WHAT TO DO:
Reproduce, from the lines below, exactly the stretch that begins at the line containing "#124=IFCMATERIALLAYERSET((#123),'Autoclaved Cellular Concrete" and ends at the line containing "#129=IFCMATERIALLAYERSET((#128),'Autoclaved Cellular Concrete", both included.

Dataset excerpts:
-=-=-=-=-

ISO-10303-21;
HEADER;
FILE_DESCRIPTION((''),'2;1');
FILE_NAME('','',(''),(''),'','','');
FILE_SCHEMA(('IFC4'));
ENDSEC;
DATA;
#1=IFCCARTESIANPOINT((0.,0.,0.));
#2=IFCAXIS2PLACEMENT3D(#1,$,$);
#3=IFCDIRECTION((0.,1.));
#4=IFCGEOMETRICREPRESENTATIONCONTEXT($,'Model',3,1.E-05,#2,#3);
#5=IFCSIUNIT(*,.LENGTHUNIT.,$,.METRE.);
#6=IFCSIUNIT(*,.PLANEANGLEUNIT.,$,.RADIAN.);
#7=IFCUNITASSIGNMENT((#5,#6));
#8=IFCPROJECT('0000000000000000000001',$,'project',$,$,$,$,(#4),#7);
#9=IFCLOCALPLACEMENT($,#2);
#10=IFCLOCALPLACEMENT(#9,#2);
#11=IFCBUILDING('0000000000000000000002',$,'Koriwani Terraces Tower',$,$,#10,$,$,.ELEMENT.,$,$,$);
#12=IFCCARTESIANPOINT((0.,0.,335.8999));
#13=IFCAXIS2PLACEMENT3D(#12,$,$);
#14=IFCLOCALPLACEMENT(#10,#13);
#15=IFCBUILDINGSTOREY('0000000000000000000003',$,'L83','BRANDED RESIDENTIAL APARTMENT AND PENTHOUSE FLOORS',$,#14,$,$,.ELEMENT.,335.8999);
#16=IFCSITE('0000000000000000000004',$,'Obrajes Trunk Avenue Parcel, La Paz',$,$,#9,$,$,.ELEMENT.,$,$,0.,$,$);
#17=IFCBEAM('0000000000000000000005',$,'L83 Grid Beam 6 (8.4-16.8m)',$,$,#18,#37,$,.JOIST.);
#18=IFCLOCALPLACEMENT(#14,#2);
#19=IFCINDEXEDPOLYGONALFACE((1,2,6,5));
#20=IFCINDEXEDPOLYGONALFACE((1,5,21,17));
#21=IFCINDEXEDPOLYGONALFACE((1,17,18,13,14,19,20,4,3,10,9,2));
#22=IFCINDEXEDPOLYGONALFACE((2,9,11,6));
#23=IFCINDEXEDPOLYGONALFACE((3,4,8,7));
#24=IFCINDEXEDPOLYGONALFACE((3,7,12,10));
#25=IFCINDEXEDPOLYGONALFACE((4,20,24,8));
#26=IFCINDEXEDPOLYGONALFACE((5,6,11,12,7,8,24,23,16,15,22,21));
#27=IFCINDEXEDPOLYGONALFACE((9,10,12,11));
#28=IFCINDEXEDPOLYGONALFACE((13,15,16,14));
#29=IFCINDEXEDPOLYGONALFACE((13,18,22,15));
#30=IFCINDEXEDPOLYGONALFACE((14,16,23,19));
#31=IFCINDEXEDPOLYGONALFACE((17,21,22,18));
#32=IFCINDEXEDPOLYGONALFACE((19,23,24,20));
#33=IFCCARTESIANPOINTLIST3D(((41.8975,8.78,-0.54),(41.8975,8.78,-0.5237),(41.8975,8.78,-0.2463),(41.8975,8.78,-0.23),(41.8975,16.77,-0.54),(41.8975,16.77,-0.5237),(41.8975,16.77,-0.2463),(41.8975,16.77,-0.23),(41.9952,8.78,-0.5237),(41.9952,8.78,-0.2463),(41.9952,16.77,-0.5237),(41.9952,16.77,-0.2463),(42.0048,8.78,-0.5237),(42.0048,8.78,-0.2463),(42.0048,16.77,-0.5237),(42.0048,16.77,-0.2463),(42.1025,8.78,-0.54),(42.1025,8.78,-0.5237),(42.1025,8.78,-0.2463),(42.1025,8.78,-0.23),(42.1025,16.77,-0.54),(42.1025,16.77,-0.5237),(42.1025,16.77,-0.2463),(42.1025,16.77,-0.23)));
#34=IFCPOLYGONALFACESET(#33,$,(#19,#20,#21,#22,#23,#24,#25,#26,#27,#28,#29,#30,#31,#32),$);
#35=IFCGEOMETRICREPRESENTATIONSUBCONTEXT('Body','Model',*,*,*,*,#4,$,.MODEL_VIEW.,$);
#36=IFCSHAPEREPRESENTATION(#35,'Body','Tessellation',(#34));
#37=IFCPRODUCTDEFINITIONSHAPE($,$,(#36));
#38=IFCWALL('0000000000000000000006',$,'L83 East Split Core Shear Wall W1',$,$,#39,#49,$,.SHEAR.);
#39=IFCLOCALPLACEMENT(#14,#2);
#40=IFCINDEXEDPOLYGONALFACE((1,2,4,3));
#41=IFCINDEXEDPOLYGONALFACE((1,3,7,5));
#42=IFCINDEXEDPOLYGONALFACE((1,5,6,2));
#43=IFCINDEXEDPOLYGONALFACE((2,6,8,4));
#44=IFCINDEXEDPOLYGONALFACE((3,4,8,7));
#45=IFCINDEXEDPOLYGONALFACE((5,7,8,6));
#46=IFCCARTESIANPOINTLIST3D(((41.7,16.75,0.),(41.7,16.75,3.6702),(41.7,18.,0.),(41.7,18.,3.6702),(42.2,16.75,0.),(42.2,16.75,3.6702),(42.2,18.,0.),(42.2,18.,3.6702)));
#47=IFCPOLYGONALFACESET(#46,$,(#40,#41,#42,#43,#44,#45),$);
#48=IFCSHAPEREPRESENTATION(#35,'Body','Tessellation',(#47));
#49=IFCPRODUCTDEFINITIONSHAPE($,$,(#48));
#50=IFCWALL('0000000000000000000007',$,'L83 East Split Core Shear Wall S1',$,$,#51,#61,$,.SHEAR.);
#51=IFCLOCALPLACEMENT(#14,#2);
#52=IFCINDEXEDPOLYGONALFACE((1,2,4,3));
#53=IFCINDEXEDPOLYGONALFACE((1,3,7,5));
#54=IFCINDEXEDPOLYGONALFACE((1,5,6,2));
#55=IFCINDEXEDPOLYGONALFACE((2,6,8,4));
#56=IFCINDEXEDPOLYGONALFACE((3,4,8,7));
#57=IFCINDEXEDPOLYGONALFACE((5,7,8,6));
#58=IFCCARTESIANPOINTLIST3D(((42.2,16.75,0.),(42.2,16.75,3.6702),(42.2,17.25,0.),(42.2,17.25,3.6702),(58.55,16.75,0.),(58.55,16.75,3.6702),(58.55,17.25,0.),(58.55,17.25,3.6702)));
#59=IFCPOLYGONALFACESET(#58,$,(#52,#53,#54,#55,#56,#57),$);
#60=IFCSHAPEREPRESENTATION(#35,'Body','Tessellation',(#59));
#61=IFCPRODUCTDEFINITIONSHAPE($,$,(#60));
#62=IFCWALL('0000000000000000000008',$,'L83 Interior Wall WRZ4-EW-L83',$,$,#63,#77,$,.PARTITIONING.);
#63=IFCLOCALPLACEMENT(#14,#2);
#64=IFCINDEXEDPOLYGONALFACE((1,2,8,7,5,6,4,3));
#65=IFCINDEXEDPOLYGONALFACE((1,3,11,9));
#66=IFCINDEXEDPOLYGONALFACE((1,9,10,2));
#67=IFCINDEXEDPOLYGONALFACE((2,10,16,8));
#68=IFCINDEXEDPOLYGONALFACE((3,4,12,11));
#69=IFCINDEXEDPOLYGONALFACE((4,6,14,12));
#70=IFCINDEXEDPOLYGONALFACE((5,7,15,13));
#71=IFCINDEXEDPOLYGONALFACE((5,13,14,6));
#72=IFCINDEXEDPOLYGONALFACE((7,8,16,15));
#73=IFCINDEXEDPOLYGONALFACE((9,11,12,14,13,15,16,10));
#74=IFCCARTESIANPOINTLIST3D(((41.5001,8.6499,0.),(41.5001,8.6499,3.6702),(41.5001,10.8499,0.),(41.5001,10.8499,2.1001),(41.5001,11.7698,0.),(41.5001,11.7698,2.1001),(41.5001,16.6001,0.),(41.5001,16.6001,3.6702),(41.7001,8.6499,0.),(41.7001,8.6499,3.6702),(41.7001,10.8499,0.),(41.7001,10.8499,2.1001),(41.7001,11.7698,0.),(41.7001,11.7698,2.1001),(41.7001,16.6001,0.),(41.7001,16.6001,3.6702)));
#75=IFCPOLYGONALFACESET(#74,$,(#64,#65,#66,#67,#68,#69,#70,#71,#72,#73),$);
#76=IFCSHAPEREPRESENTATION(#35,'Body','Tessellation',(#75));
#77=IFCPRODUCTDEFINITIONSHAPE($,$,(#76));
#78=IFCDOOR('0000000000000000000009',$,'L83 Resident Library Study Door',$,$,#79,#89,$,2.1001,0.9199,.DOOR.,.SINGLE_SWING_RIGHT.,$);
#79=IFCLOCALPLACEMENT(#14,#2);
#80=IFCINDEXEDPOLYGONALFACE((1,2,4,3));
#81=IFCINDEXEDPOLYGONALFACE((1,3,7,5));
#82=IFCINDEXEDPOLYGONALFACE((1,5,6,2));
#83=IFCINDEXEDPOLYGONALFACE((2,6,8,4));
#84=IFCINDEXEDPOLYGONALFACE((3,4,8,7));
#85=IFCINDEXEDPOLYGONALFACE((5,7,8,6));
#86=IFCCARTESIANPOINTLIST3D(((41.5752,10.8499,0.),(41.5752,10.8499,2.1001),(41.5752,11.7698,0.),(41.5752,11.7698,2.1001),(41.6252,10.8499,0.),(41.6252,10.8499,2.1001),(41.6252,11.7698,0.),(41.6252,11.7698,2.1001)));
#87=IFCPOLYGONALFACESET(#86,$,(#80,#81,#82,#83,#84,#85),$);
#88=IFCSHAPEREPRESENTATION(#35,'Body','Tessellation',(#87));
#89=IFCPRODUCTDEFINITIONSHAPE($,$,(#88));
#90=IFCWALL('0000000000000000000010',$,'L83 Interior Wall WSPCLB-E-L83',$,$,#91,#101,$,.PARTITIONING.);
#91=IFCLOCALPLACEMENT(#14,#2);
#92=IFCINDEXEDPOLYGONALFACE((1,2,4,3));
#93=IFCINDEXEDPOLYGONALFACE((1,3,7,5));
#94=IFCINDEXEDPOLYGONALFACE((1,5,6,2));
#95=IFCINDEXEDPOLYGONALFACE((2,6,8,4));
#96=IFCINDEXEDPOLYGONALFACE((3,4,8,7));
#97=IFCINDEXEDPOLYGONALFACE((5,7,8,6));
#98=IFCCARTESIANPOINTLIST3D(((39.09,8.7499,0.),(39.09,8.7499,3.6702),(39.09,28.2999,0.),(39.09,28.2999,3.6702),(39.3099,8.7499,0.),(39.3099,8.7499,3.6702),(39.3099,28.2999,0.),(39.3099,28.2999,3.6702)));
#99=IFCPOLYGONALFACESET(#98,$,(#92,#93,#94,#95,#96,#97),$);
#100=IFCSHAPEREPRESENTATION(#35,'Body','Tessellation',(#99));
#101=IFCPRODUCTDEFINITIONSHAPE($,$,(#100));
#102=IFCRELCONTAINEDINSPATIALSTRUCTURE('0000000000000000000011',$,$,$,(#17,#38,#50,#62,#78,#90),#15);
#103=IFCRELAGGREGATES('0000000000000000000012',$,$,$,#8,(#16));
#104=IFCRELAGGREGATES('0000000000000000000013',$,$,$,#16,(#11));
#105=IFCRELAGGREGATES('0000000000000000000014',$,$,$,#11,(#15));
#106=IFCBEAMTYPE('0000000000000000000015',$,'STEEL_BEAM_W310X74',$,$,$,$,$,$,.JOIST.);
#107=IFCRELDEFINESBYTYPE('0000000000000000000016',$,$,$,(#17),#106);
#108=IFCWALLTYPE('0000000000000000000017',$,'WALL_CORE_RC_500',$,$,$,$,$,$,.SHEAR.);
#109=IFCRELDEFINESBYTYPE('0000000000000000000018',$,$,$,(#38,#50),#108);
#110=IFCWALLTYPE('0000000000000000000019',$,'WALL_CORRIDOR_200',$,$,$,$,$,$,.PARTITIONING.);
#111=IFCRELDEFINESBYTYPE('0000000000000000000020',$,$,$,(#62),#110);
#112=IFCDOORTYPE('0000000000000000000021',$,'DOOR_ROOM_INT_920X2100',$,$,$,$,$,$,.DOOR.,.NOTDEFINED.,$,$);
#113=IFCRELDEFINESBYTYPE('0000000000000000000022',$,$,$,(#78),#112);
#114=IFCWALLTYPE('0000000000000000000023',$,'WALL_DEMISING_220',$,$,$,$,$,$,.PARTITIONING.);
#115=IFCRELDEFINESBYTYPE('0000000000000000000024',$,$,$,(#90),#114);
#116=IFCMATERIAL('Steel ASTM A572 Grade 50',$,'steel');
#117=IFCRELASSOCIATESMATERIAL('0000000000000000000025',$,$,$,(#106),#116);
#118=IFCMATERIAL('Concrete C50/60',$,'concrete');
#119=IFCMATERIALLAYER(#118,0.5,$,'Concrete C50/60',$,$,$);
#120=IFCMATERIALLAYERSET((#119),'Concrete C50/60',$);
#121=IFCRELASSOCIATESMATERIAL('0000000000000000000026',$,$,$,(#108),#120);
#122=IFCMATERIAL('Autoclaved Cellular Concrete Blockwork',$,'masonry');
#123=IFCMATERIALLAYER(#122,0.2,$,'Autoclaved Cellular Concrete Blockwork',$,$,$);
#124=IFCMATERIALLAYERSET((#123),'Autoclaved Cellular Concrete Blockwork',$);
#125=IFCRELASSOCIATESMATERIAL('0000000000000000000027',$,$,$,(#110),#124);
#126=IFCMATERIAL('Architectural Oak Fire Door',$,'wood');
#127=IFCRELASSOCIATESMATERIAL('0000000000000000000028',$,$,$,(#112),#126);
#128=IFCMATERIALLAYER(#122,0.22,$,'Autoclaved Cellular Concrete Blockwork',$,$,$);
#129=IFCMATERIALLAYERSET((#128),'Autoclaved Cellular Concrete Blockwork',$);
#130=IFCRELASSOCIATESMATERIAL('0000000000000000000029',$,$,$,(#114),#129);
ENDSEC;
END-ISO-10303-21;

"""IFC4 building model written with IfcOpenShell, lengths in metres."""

from ifc_helpers import new_model, si_unit, direction, frame, frame_2d, origin, origin_2d, place, context, subcontext, project, spatial, rectangle, i_section, extrude, material, layer, layer_set, material_profile, profile_set, type_object, element, fill, save


model = new_model("IFC4")

# Units and contexts
model_context = context("Model", 3, precision=1e-05, world=origin(), true_north=direction((0.0, 1.0)))
body_context = subcontext(model_context, "Body", "Model", "MODEL_VIEW")
ifc_project = project(units=[si_unit("LENGTHUNIT", "METRE"), si_unit("PLANEANGLEUNIT", "RADIAN")], contexts=[model_context])

# Site, building, storey
site_placement = place(None, origin())
site = spatial("IfcSite", under=ifc_project, at=site_placement, Name="Obrajes Trunk Avenue Parcel, La Paz", CompositionType="ELEMENT", RefElevation=0.0)
building_placement = place(site_placement, origin())
building = spatial("IfcBuilding", under=site, at=building_placement, Name="Koriwani Terraces Tower", CompositionType="ELEMENT")
storey_placement = place(building_placement, frame((0.0, 0.0, 335.8999)))
storey = spatial("IfcBuildingStorey", under=building, at=storey_placement, Name="L83", Description="BRANDED RESIDENTIAL APARTMENT AND PENTHOUSE FLOORS", CompositionType="ELEMENT", Elevation=335.8999)

# Shared definitions
ifc_material_1 = material(Name="Concrete C50/60", Category="concrete")

# Beam
ifc_material_2 = material(Name="Steel ASTM A572 Grade 50", Category="steel")
ifc_material_profile_1 = material_profile(ifc_material_2, i_section(OverallWidth=0.2051, OverallDepth=0.3101, WebThickness=0.0095, FlangeThickness=0.0164, at=origin_2d()), Name="Steel ASTM A572 Grade 50", Category="LoadBearing")
ifc_profile_set_1 = profile_set([ifc_material_profile_1], Name="Steel ASTM A572 Grade 50")
beam_type_1 = type_object("IfcBeamType", Name="STEEL_BEAM_W310X74", PredefinedType="JOIST", material=ifc_profile_set_1)
beam_1_placement = place(storey_placement, frame((42.0, 8.78, -0.385), z_axis=(0.0, 1.0, 0.0), x_axis=(-1.0, 0.0, 0.0)))
element("IfcBeam", 1, at=beam_1_placement, inside=storey, type_object=beam_type_1, Name="L83 Grid Beam 6 (8.4-16.8m)", PredefinedType="JOIST", context=body_context, shape_type="SweptSolid", body=[
    extrude(i_section(OverallWidth=0.2051, OverallDepth=0.3101, WebThickness=0.0095, FlangeThickness=0.0164, at=origin_2d()), origin(), (0.0, 0.0, 1.0), 7.99),
])

# Walls
ifc_layer_1 = layer(ifc_material_1, 0.5, Name="Concrete C50/60")
ifc_layer_set_1 = layer_set([ifc_layer_1], Name="Concrete C50/60")
wall_type_1 = type_object("IfcWallType", Name="WALL_CORE_RC_500", PredefinedType="SHEAR", material=ifc_layer_set_1)
wall_1_placement = place(storey_placement, frame((41.95, 16.75, 0.0), z_axis=(0.0, 0.0, 1.0), x_axis=(0.0, 1.0, 0.0)))
element("IfcWall", 2, at=wall_1_placement, inside=storey, type_object=wall_type_1, Name="L83 East Split Core Shear Wall W1", PredefinedType="SHEAR", context=body_context, shape_type="SweptSolid", body=[
    extrude(rectangle(XDim=1.25, YDim=0.5, at=frame_2d((0.625, 0.0))), origin(), (0.0, 0.0, 1.0), 3.6702),
])
wall_2_placement = place(storey_placement, frame((42.2, 17.0, 0.0), z_axis=(0.0, 0.0, 1.0), x_axis=(1.0, 0.0, 0.0)))
element("IfcWall", 3, at=wall_2_placement, inside=storey, type_object=wall_type_1, Name="L83 East Split Core Shear Wall S1", PredefinedType="SHEAR", context=body_context, shape_type="SweptSolid", body=[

-=-=-=-=-

ANSWER:
#124=IFCMATERIALLAYERSET((#123),'Autoclaved Cellular Concrete Blockwork',$);
#125=IFCRELASSOCIATESMATERIAL('0000000000000000000027',$,$,$,(#110),#124);
#126=IFCMATERIAL('Architectural Oak Fire Door',$,'wood');
#127=IFCRELASSOCIATESMATERIAL('0000000000000000000028',$,$,$,(#112),#126);
#128=IFCMATERIALLAYER(#122,0.22,$,'Autoclaved Cellular Concrete Blockwork',$,$,$);
#129=IFCMATERIALLAYERSET((#128),'Autoclaved Cellular Concrete Blockwork',$);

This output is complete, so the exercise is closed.